:: REQUIRED WORK ::
Beginning with the first line, transcribe the entries below exactly through the line containing "#210=IFCMATERIAL('Operable acoustic tinted", inclusive.

:: GIVEN RECORDS ::

===

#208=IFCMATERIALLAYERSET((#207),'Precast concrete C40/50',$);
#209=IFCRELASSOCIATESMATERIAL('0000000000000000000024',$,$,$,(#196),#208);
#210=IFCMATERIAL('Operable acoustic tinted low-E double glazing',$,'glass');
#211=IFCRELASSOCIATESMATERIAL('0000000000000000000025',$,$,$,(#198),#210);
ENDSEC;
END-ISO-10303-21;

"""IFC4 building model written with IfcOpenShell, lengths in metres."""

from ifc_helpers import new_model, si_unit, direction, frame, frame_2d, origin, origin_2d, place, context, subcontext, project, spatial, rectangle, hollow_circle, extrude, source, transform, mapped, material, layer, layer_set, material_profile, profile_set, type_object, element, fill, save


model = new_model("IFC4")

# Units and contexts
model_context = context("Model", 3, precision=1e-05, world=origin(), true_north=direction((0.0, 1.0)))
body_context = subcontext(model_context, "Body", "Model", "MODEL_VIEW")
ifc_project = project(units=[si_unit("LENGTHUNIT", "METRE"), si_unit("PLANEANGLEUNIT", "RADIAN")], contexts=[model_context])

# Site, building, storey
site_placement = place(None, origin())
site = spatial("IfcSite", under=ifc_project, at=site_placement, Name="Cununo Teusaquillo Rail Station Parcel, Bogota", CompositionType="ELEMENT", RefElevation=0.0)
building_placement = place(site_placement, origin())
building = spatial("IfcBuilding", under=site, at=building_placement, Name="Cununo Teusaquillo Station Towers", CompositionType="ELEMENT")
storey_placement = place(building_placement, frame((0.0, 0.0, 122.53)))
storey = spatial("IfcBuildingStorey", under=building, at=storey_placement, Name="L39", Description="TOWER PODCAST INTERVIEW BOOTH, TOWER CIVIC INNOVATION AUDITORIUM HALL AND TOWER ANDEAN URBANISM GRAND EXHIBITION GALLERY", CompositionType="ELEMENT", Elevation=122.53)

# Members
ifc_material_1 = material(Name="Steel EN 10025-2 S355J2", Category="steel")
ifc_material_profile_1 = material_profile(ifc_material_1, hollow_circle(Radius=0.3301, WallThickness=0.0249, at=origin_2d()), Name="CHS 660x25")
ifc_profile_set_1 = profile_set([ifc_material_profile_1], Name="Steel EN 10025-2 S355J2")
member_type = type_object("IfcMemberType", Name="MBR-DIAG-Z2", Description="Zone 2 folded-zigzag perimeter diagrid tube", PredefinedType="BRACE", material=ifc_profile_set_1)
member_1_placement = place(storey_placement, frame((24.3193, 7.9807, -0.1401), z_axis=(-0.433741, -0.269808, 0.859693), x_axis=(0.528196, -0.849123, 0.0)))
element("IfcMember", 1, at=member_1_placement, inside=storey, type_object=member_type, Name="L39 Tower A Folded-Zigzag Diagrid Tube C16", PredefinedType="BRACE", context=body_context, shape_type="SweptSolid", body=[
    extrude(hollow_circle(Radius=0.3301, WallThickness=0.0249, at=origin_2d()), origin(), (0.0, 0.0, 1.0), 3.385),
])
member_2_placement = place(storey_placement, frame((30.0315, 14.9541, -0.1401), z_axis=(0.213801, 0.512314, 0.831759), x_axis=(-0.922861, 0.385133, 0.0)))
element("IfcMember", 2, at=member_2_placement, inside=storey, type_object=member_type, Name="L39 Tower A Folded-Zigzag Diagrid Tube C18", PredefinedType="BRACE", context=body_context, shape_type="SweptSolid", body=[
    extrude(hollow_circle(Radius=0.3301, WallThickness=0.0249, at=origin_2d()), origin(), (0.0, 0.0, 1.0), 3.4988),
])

===

:: WRITTEN ANSWER ::
#208=IFCMATERIALLAYERSET((#207),'Precast concrete C40/50',$);
#209=IFCRELASSOCIATESMATERIAL('0000000000000000000024',$,$,$,(#196),#208);
#210=IFCMATERIAL('Operable acoustic tinted low-E double glazing',$,'glass');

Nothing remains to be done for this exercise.